• _TASK ITEM_:
Return, from the listing that follows, each line containing the word "wall".

• _DATA TO PROCESS_:

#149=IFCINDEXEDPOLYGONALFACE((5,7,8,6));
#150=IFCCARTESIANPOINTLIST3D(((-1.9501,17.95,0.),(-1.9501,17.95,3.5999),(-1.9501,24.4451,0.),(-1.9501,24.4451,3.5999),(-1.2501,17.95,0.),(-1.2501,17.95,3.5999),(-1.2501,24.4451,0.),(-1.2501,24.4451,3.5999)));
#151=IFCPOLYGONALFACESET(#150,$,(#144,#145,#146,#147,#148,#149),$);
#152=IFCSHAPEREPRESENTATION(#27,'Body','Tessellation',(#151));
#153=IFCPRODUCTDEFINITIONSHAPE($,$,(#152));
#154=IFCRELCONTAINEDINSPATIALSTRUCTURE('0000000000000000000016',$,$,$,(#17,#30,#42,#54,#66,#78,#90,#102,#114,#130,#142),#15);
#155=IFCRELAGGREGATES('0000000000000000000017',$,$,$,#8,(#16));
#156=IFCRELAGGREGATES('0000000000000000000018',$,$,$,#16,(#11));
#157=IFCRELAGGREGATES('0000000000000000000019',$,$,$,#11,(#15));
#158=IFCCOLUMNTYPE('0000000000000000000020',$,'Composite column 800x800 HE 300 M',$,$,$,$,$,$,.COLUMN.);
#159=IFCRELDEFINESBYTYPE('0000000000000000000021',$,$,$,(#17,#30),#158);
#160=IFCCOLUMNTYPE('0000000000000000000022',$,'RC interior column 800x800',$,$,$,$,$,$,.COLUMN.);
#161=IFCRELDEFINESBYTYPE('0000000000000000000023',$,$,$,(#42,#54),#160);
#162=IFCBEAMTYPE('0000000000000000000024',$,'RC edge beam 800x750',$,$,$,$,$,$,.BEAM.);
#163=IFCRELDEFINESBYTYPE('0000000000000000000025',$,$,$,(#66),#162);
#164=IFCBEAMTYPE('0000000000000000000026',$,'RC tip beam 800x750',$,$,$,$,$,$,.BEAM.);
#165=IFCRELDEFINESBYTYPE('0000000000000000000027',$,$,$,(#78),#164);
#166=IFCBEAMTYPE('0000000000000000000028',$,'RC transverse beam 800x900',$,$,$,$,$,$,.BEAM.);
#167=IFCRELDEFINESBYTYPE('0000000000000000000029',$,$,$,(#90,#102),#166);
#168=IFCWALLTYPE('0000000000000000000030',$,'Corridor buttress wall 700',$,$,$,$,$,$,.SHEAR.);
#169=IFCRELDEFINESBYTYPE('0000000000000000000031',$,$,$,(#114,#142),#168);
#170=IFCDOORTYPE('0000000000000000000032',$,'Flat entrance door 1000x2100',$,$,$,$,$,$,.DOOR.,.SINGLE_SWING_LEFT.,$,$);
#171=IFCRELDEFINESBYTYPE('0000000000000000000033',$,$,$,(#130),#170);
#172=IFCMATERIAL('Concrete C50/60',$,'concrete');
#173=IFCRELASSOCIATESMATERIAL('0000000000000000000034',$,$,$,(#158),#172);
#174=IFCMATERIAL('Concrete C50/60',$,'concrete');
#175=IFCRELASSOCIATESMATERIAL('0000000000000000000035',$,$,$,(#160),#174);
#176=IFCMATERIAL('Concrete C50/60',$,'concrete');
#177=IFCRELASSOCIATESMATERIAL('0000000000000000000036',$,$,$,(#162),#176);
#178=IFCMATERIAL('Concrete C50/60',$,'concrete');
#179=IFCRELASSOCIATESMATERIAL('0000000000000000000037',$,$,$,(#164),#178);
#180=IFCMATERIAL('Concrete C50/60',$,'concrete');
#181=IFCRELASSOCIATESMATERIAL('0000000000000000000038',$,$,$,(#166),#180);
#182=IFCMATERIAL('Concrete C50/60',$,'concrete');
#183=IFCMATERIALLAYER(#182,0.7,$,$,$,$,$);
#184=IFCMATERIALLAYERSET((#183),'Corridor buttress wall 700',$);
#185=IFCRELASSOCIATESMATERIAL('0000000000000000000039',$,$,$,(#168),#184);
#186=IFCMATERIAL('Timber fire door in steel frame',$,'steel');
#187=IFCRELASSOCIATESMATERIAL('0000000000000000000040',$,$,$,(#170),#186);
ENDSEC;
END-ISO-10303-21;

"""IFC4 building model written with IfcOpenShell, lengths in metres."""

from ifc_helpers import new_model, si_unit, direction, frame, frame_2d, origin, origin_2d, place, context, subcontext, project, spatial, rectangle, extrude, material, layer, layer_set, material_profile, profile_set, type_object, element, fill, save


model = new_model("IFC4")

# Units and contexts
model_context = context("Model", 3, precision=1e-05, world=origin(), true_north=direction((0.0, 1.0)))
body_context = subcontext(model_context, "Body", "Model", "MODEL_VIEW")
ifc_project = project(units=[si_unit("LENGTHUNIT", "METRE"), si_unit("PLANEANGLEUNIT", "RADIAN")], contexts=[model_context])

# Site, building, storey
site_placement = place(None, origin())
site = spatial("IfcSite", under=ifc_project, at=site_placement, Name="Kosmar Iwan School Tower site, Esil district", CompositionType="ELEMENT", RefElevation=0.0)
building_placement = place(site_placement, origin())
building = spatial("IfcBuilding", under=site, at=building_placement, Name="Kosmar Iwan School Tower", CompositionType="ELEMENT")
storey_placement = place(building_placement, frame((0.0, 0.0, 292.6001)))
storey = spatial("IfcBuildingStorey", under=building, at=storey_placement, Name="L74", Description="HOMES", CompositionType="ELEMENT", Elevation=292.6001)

• _WRITTEN REPLY_:
#168=IFCWALLTYPE('0000000000000000000030',$,'Corridor buttress wall 700',$,$,$,$,$,$,.SHEAR.);
#184=IFCMATERIALLAYERSET((#183),'Corridor buttress wall 700',$);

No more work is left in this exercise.